-- About this task --
Each entry needs to be copied exactly, with nothing left out.

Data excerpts
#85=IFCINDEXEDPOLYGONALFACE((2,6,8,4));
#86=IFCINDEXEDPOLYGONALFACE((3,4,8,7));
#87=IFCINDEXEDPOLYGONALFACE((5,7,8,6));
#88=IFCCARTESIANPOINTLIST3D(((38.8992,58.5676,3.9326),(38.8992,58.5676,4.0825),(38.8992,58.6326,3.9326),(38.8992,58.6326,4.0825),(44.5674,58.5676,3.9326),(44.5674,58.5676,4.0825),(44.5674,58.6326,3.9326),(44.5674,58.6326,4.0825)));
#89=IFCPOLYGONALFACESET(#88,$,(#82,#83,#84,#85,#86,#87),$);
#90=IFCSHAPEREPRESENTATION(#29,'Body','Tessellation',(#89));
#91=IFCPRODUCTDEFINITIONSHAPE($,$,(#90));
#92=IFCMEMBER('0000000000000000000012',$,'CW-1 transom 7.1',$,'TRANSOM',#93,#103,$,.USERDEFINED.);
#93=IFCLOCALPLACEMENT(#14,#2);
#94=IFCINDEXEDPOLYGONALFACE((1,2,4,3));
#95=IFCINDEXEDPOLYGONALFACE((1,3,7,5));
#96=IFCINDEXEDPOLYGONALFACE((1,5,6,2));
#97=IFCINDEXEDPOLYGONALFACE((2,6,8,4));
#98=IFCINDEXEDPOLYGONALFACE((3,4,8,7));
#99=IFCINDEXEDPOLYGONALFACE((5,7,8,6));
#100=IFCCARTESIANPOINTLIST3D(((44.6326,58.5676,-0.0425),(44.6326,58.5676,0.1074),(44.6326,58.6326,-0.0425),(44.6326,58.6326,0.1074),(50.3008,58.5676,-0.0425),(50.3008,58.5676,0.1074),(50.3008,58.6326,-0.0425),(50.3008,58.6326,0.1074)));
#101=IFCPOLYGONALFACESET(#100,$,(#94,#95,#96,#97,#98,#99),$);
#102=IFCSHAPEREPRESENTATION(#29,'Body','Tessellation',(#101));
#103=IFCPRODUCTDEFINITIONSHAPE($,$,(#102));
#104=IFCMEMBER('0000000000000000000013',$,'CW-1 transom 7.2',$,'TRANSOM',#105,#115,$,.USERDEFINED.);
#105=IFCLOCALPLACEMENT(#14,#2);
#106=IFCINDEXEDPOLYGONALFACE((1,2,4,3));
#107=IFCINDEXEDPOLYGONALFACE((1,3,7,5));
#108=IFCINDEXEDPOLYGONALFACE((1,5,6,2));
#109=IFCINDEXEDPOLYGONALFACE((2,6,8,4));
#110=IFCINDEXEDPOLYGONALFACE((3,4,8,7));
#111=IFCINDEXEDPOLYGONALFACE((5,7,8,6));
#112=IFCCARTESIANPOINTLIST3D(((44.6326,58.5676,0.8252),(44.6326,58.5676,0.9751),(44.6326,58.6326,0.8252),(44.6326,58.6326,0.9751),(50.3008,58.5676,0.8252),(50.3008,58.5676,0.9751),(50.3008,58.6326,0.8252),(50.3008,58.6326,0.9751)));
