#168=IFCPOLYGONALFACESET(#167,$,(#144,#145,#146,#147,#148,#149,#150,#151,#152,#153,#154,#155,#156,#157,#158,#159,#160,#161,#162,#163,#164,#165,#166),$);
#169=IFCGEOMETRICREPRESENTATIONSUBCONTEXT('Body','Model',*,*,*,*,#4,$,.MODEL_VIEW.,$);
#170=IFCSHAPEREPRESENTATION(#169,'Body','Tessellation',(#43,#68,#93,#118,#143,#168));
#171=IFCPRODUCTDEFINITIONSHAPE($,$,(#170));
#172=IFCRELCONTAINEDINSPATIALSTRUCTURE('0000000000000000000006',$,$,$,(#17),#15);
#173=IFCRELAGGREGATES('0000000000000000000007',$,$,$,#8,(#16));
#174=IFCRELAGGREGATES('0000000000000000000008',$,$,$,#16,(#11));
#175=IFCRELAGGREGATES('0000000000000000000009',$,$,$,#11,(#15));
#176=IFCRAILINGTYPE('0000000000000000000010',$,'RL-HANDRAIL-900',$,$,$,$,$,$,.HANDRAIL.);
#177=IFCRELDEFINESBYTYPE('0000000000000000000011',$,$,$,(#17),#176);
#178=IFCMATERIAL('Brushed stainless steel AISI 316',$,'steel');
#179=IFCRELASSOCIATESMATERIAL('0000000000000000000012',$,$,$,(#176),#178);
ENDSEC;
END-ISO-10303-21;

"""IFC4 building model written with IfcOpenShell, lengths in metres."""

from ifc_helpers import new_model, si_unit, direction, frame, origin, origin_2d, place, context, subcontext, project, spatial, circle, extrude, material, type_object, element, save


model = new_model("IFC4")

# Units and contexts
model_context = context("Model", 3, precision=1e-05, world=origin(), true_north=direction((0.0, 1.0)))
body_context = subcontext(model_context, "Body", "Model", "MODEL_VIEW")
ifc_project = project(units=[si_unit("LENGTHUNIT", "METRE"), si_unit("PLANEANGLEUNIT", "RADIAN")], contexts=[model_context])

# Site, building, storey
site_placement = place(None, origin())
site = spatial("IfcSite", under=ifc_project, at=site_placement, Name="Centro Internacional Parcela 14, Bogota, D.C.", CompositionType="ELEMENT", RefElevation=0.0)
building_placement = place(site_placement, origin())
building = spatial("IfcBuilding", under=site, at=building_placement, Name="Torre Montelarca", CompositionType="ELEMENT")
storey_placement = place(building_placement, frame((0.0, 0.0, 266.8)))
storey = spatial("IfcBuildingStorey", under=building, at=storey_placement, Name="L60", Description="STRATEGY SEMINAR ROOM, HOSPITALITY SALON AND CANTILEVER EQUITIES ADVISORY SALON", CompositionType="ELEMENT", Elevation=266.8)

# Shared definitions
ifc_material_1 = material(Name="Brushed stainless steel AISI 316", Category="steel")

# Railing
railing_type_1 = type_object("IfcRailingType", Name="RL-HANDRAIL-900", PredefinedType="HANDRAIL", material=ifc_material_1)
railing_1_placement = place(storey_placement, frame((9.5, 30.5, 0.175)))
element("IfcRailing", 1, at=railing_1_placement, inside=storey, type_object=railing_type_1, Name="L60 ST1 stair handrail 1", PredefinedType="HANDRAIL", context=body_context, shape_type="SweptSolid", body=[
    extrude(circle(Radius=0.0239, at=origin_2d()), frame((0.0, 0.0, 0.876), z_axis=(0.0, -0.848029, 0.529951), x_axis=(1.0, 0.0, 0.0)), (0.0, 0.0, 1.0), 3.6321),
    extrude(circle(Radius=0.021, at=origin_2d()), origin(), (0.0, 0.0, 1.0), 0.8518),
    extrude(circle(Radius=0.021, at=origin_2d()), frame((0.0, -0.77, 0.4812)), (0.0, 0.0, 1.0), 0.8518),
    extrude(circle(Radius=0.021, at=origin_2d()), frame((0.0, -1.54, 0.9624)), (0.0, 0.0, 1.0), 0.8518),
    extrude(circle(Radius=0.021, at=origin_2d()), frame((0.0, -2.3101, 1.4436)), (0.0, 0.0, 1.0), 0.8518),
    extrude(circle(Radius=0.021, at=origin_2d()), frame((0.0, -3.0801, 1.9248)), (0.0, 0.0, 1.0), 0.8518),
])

-- Finished exercise --
#85=IFCINDEXEDPOLYGONALFACE((2,6,8,4));
#86=IFCINDEXEDPOLYGONALFACE((3,4,8,7));
#87=IFCINDEXEDPOLYGONALFACE((5,7,8,6));
#88=IFCCARTESIANPOINTLIST3D(((38.8992,58.5676,3.9326),(38.8992,58.5676,4.0825),(38.8992,58.6326,3.9326),(38.8992,58.6326,4.0825),(44.5674,58.5676,3.9326),(44.5674,58.5676,4.0825),(44.5674,58.6326,3.9326),(44.5674,58.6326,4.0825)));
#89=IFCPOLYGONALFACESET(#88,$,(#82,#83,#84,#85,#86,#87),$);
#90=IFCSHAPEREPRESENTATION(#29,'Body','Tessellation',(#89));
#91=IFCPRODUCTDEFINITIONSHAPE($,$,(#90));
#92=IFCMEMBER('0000000000000000000012',$,'CW-1 transom 7.1',$,'TRANSOM',#93,#103,$,.USERDEFINED.);
#93=IFCLOCALPLACEMENT(#14,#2);
#94=IFCINDEXEDPOLYGONALFACE((1,2,4,3));
#95=IFCINDEXEDPOLYGONALFACE((1,3,7,5));
#96=IFCINDEXEDPOLYGONALFACE((1,5,6,2));
#97=IFCINDEXEDPOLYGONALFACE((2,6,8,4));
#98=IFCINDEXEDPOLYGONALFACE((3,4,8,7));
#99=IFCINDEXEDPOLYGONALFACE((5,7,8,6));
#100=IFCCARTESIANPOINTLIST3D(((44.6326,58.5676,-0.0425),(44.6326,58.5676,0.1074),(44.6326,58.6326,-0.0425),(44.6326,58.6326,0.1074),(50.3008,58.5676,-0.0425),(50.3008,58.5676,0.1074),(50.3008,58.6326,-0.0425),(50.3008,58.6326,0.1074)));
#101=IFCPOLYGONALFACESET(#100,$,(#94,#95,#96,#97,#98,#99),$);
#102=IFCSHAPEREPRESENTATION(#29,'Body','Tessellation',(#101));
#103=IFCPRODUCTDEFINITIONSHAPE($,$,(#102));
#104=IFCMEMBER('0000000000000000000013',$,'CW-1 transom 7.2',$,'TRANSOM',#105,#115,$,.USERDEFINED.);
#105=IFCLOCALPLACEMENT(#14,#2);
#106=IFCINDEXEDPOLYGONALFACE((1,2,4,3));
#107=IFCINDEXEDPOLYGONALFACE((1,3,7,5));
#108=IFCINDEXEDPOLYGONALFACE((1,5,6,2));
#109=IFCINDEXEDPOLYGONALFACE((2,6,8,4));
#110=IFCINDEXEDPOLYGONALFACE((3,4,8,7));
#111=IFCINDEXEDPOLYGONALFACE((5,7,8,6));
#112=IFCCARTESIANPOINTLIST3D(((44.6326,58.5676,0.8252),(44.6326,58.5676,0.9751),(44.6326,58.6326,0.8252),(44.6326,58.6326,0.9751),(50.3008,58.5676,0.8252),(50.3008,58.5676,0.9751),(50.3008,58.6326,0.8252),(50.3008,58.6326,0.9751)));
#168=IFCPOLYGONALFACESET(#167,$,(#144,#145,#146,#147,#148,#149,#150,#151,#152,#153,#154,#155,#156,#157,#158,#159,#160,#161,#162,#163,#164,#165,#166),$);
#169=IFCGEOMETRICREPRESENTATIONSUBCONTEXT('Body','Model',*,*,*,*,#4,$,.MODEL_VIEW.,$);
#170=IFCSHAPEREPRESENTATION(#169,'Body','Tessellation',(#43,#68,#93,#118,#143,#168));
#171=IFCPRODUCTDEFINITIONSHAPE($,$,(#170));
#172=IFCRELCONTAINEDINSPATIALSTRUCTURE('0000000000000000000006',$,$,$,(#17),#15);
#173=IFCRELAGGREGATES('0000000000000000000007',$,$,$,#8,(#16));
#174=IFCRELAGGREGATES('0000000000000000000008',$,$,$,#16,(#11));
#175=IFCRELAGGREGATES('0000000000000000000009',$,$,$,#11,(#15));
#176=IFCRAILINGTYPE('0000000000000000000010',$,'RL-HANDRAIL-900',$,$,$,$,$,$,.HANDRAIL.);
#177=IFCRELDEFINESBYTYPE('0000000000000000000011',$,$,$,(#17),#176);
#178=IFCMATERIAL('Brushed stainless steel AISI 316',$,'steel');
#179=IFCRELASSOCIATESMATERIAL('0000000000000000000012',$,$,$,(#176),#178);
ENDSEC;
END-ISO-10303-21;

"""IFC4 building model written with IfcOpenShell, lengths in metres."""

from ifc_helpers import new_model, si_unit, direction, frame, origin, origin_2d, place, context, subcontext, project, spatial, circle, extrude, material, type_object, element, save


model = new_model("IFC4")

# Units and contexts
model_context = context("Model", 3, precision=1e-05, world=origin(), true_north=direction((0.0, 1.0)))
body_context = subcontext(model_context, "Body", "Model", "MODEL_VIEW")
ifc_project = project(units=[si_unit("LENGTHUNIT", "METRE"), si_unit("PLANEANGLEUNIT", "RADIAN")], contexts=[model_context])

# Site, building, storey
site_placement = place(None, origin())
site = spatial("IfcSite", under=ifc_project, at=site_placement, Name="Centro Internacional Parcela 14, Bogota, D.C.", CompositionType="ELEMENT", RefElevation=0.0)
building_placement = place(site_placement, origin())
building = spatial("IfcBuilding", under=site, at=building_placement, Name="Torre Montelarca", CompositionType="ELEMENT")
storey_placement = place(building_placement, frame((0.0, 0.0, 266.8)))
storey = spatial("IfcBuildingStorey", under=building, at=storey_placement, Name="L60", Description="STRATEGY SEMINAR ROOM, HOSPITALITY SALON AND CANTILEVER EQUITIES ADVISORY SALON", CompositionType="ELEMENT", Elevation=266.8)

# Shared definitions
ifc_material_1 = material(Name="Brushed stainless steel AISI 316", Category="steel")

# Railing
railing_type_1 = type_object("IfcRailingType", Name="RL-HANDRAIL-900", PredefinedType="HANDRAIL", material=ifc_material_1)
railing_1_placement = place(storey_placement, frame((9.5, 30.5, 0.175)))
element("IfcRailing", 1, at=railing_1_placement, inside=storey, type_object=railing_type_1, Name="L60 ST1 stair handrail 1", PredefinedType="HANDRAIL", context=body_context, shape_type="SweptSolid", body=[
    extrude(circle(Radius=0.0239, at=origin_2d()), frame((0.0, 0.0, 0.876), z_axis=(0.0, -0.848029, 0.529951), x_axis=(1.0, 0.0, 0.0)), (0.0, 0.0, 1.0), 3.6321),
    extrude(circle(Radius=0.021, at=origin_2d()), origin(), (0.0, 0.0, 1.0), 0.8518),
    extrude(circle(Radius=0.021, at=origin_2d()), frame((0.0, -0.77, 0.4812)), (0.0, 0.0, 1.0), 0.8518),
    extrude(circle(Radius=0.021, at=origin_2d()), frame((0.0, -1.54, 0.9624)), (0.0, 0.0, 1.0), 0.8518),
    extrude(circle(Radius=0.021, at=origin_2d()), frame((0.0, -2.3101, 1.4436)), (0.0, 0.0, 1.0), 0.8518),
    extrude(circle(Radius=0.021, at=origin_2d()), frame((0.0, -3.0801, 1.9248)), (0.0, 0.0, 1.0), 0.8518),
])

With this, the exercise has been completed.